Data extracted from a collection
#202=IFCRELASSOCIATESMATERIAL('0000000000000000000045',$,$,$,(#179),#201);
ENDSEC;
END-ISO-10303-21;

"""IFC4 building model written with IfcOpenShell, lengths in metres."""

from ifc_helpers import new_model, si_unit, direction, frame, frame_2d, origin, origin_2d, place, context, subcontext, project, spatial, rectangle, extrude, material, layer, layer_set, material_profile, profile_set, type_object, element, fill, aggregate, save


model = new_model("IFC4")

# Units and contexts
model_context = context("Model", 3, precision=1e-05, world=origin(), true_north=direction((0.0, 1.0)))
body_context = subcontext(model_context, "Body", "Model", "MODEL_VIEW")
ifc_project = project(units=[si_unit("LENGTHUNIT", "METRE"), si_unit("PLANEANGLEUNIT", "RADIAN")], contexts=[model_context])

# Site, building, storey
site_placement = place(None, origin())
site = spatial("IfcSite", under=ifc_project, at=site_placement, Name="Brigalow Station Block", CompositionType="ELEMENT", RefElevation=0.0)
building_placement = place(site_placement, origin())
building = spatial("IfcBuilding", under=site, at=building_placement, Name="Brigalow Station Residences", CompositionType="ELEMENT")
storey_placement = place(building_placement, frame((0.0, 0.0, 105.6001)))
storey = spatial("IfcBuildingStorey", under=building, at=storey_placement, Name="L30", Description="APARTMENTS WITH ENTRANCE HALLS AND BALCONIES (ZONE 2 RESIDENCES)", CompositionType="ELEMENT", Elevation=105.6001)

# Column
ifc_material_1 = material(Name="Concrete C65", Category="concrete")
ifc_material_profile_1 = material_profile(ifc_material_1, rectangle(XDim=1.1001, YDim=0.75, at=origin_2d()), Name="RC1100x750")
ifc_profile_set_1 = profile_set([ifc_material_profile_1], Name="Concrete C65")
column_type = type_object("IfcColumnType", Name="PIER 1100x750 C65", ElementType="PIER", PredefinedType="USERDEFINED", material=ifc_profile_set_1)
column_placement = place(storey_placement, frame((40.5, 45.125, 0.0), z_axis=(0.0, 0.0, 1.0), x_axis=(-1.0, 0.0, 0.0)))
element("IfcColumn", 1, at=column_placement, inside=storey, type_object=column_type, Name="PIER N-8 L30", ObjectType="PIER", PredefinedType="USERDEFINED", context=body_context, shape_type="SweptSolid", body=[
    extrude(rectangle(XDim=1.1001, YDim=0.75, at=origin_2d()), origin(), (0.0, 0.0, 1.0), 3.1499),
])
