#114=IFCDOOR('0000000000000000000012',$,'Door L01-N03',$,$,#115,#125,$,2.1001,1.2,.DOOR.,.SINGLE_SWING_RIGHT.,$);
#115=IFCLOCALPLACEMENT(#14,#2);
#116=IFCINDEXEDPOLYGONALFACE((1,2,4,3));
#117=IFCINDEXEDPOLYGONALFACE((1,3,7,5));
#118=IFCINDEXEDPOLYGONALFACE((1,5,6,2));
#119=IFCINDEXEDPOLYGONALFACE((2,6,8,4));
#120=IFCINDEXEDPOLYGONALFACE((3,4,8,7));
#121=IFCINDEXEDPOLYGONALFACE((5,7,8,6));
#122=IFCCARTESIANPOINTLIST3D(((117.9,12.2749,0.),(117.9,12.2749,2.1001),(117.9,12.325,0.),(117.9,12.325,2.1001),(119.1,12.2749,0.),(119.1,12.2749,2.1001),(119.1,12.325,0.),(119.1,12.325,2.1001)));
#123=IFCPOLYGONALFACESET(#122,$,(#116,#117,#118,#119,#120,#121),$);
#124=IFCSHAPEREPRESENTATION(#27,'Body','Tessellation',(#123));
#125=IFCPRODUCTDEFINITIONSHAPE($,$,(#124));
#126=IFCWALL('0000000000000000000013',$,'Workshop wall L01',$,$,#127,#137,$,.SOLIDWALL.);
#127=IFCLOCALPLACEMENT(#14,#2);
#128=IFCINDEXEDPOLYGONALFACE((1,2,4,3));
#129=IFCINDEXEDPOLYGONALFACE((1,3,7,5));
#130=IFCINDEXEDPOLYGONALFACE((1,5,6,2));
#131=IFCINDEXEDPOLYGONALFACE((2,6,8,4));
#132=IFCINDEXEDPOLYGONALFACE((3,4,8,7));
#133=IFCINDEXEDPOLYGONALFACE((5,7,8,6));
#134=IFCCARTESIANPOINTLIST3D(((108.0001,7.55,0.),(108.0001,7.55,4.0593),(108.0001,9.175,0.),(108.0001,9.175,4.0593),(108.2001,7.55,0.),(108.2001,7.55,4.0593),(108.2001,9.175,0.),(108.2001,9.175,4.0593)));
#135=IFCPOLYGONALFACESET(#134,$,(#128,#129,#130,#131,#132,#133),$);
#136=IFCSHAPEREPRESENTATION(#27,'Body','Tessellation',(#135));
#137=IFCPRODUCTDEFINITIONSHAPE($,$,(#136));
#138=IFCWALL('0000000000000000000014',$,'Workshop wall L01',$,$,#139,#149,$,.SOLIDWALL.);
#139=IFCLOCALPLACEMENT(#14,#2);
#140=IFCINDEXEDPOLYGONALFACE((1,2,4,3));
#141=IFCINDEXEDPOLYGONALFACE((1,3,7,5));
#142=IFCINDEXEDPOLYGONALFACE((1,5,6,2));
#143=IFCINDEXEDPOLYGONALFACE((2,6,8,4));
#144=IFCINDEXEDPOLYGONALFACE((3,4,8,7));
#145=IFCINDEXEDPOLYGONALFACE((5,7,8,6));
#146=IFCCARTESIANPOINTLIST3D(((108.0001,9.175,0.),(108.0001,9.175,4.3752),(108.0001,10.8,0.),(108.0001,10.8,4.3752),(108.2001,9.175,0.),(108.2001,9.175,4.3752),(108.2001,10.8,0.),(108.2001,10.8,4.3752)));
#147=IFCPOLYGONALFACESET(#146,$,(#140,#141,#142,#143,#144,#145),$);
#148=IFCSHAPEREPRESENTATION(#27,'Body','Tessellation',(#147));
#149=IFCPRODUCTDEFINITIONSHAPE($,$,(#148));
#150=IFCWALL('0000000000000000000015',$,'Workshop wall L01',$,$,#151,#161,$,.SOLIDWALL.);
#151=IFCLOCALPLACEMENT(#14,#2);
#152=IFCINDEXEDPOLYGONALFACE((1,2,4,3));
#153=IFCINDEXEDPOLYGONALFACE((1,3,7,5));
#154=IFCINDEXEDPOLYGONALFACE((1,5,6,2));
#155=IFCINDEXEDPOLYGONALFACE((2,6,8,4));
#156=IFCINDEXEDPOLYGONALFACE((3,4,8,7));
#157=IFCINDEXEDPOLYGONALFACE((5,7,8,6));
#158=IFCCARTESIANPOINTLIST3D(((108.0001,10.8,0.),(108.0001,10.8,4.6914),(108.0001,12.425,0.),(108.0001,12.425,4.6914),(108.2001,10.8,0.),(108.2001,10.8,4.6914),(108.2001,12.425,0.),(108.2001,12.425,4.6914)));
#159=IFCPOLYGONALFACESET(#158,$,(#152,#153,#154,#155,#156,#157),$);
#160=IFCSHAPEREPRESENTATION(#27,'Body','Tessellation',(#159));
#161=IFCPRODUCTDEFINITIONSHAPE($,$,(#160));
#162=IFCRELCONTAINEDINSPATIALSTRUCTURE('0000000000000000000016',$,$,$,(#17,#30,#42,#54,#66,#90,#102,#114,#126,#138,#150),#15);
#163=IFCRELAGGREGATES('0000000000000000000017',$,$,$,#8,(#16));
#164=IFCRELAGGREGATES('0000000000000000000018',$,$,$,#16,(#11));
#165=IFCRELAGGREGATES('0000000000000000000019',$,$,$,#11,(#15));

Aim of the task - Give back the data above exactly as it appears.

Exercise solution -
#202=IFCRELASSOCIATESMATERIAL('0000000000000000000045',$,$,$,(#179),#201);
ENDSEC;
END-ISO-10303-21;

"""IFC4 building model written with IfcOpenShell, lengths in metres."""

from ifc_helpers import new_model, si_unit, direction, frame, frame_2d, origin, origin_2d, place, context, subcontext, project, spatial, rectangle, extrude, material, layer, layer_set, material_profile, profile_set, type_object, element, fill, aggregate, save


model = new_model("IFC4")

# Units and contexts
model_context = context("Model", 3, precision=1e-05, world=origin(), true_north=direction((0.0, 1.0)))
body_context = subcontext(model_context, "Body", "Model", "MODEL_VIEW")
ifc_project = project(units=[si_unit("LENGTHUNIT", "METRE"), si_unit("PLANEANGLEUNIT", "RADIAN")], contexts=[model_context])

# Site, building, storey
site_placement = place(None, origin())
site = spatial("IfcSite", under=ifc_project, at=site_placement, Name="Brigalow Station Block", CompositionType="ELEMENT", RefElevation=0.0)
building_placement = place(site_placement, origin())
building = spatial("IfcBuilding", under=site, at=building_placement, Name="Brigalow Station Residences", CompositionType="ELEMENT")
storey_placement = place(building_placement, frame((0.0, 0.0, 105.6001)))
storey = spatial("IfcBuildingStorey", under=building, at=storey_placement, Name="L30", Description="APARTMENTS WITH ENTRANCE HALLS AND BALCONIES (ZONE 2 RESIDENCES)", CompositionType="ELEMENT", Elevation=105.6001)

# Column
ifc_material_1 = material(Name="Concrete C65", Category="concrete")
ifc_material_profile_1 = material_profile(ifc_material_1, rectangle(XDim=1.1001, YDim=0.75, at=origin_2d()), Name="RC1100x750")
ifc_profile_set_1 = profile_set([ifc_material_profile_1], Name="Concrete C65")
column_type = type_object("IfcColumnType", Name="PIER 1100x750 C65", ElementType="PIER", PredefinedType="USERDEFINED", material=ifc_profile_set_1)
column_placement = place(storey_placement, frame((40.5, 45.125, 0.0), z_axis=(0.0, 0.0, 1.0), x_axis=(-1.0, 0.0, 0.0)))
element("IfcColumn", 1, at=column_placement, inside=storey, type_object=column_type, Name="PIER N-8 L30", ObjectType="PIER", PredefinedType="USERDEFINED", context=body_context, shape_type="SweptSolid", body=[
    extrude(rectangle(XDim=1.1001, YDim=0.75, at=origin_2d()), origin(), (0.0, 0.0, 1.0), 3.1499),
])
#114=IFCDOOR('0000000000000000000012',$,'Door L01-N03',$,$,#115,#125,$,2.1001,1.2,.DOOR.,.SINGLE_SWING_RIGHT.,$);
#115=IFCLOCALPLACEMENT(#14,#2);
#116=IFCINDEXEDPOLYGONALFACE((1,2,4,3));
#117=IFCINDEXEDPOLYGONALFACE((1,3,7,5));
#118=IFCINDEXEDPOLYGONALFACE((1,5,6,2));
#119=IFCINDEXEDPOLYGONALFACE((2,6,8,4));
#120=IFCINDEXEDPOLYGONALFACE((3,4,8,7));
#121=IFCINDEXEDPOLYGONALFACE((5,7,8,6));
#122=IFCCARTESIANPOINTLIST3D(((117.9,12.2749,0.),(117.9,12.2749,2.1001),(117.9,12.325,0.),(117.9,12.325,2.1001),(119.1,12.2749,0.),(119.1,12.2749,2.1001),(119.1,12.325,0.),(119.1,12.325,2.1001)));
#123=IFCPOLYGONALFACESET(#122,$,(#116,#117,#118,#119,#120,#121),$);
#124=IFCSHAPEREPRESENTATION(#27,'Body','Tessellation',(#123));
#125=IFCPRODUCTDEFINITIONSHAPE($,$,(#124));
#126=IFCWALL('0000000000000000000013',$,'Workshop wall L01',$,$,#127,#137,$,.SOLIDWALL.);
#127=IFCLOCALPLACEMENT(#14,#2);
#128=IFCINDEXEDPOLYGONALFACE((1,2,4,3));
#129=IFCINDEXEDPOLYGONALFACE((1,3,7,5));
#130=IFCINDEXEDPOLYGONALFACE((1,5,6,2));
#131=IFCINDEXEDPOLYGONALFACE((2,6,8,4));
#132=IFCINDEXEDPOLYGONALFACE((3,4,8,7));
#133=IFCINDEXEDPOLYGONALFACE((5,7,8,6));
#134=IFCCARTESIANPOINTLIST3D(((108.0001,7.55,0.),(108.0001,7.55,4.0593),(108.0001,9.175,0.),(108.0001,9.175,4.0593),(108.2001,7.55,0.),(108.2001,7.55,4.0593),(108.2001,9.175,0.),(108.2001,9.175,4.0593)));
#135=IFCPOLYGONALFACESET(#134,$,(#128,#129,#130,#131,#132,#133),$);
#136=IFCSHAPEREPRESENTATION(#27,'Body','Tessellation',(#135));
#137=IFCPRODUCTDEFINITIONSHAPE($,$,(#136));
#138=IFCWALL('0000000000000000000014',$,'Workshop wall L01',$,$,#139,#149,$,.SOLIDWALL.);
#139=IFCLOCALPLACEMENT(#14,#2);
#140=IFCINDEXEDPOLYGONALFACE((1,2,4,3));
#141=IFCINDEXEDPOLYGONALFACE((1,3,7,5));
#142=IFCINDEXEDPOLYGONALFACE((1,5,6,2));
#143=IFCINDEXEDPOLYGONALFACE((2,6,8,4));
#144=IFCINDEXEDPOLYGONALFACE((3,4,8,7));
#145=IFCINDEXEDPOLYGONALFACE((5,7,8,6));
#146=IFCCARTESIANPOINTLIST3D(((108.0001,9.175,0.),(108.0001,9.175,4.3752),(108.0001,10.8,0.),(108.0001,10.8,4.3752),(108.2001,9.175,0.),(108.2001,9.175,4.3752),(108.2001,10.8,0.),(108.2001,10.8,4.3752)));
#147=IFCPOLYGONALFACESET(#146,$,(#140,#141,#142,#143,#144,#145),$);
#148=IFCSHAPEREPRESENTATION(#27,'Body','Tessellation',(#147));
#149=IFCPRODUCTDEFINITIONSHAPE($,$,(#148));
#150=IFCWALL('0000000000000000000015',$,'Workshop wall L01',$,$,#151,#161,$,.SOLIDWALL.);
#151=IFCLOCALPLACEMENT(#14,#2);
#152=IFCINDEXEDPOLYGONALFACE((1,2,4,3));
#153=IFCINDEXEDPOLYGONALFACE((1,3,7,5));
#154=IFCINDEXEDPOLYGONALFACE((1,5,6,2));
#155=IFCINDEXEDPOLYGONALFACE((2,6,8,4));
#156=IFCINDEXEDPOLYGONALFACE((3,4,8,7));
#157=IFCINDEXEDPOLYGONALFACE((5,7,8,6));
#158=IFCCARTESIANPOINTLIST3D(((108.0001,10.8,0.),(108.0001,10.8,4.6914),(108.0001,12.425,0.),(108.0001,12.425,4.6914),(108.2001,10.8,0.),(108.2001,10.8,4.6914),(108.2001,12.425,0.),(108.2001,12.425,4.6914)));
#159=IFCPOLYGONALFACESET(#158,$,(#152,#153,#154,#155,#156,#157),$);
#160=IFCSHAPEREPRESENTATION(#27,'Body','Tessellation',(#159));
#161=IFCPRODUCTDEFINITIONSHAPE($,$,(#160));
#162=IFCRELCONTAINEDINSPATIALSTRUCTURE('0000000000000000000016',$,$,$,(#17,#30,#42,#54,#66,#90,#102,#114,#126,#138,#150),#15);
#163=IFCRELAGGREGATES('0000000000000000000017',$,$,$,#8,(#16));
#164=IFCRELAGGREGATES('0000000000000000000018',$,$,$,#16,(#11));
#165=IFCRELAGGREGATES('0000000000000000000019',$,$,$,#11,(#15));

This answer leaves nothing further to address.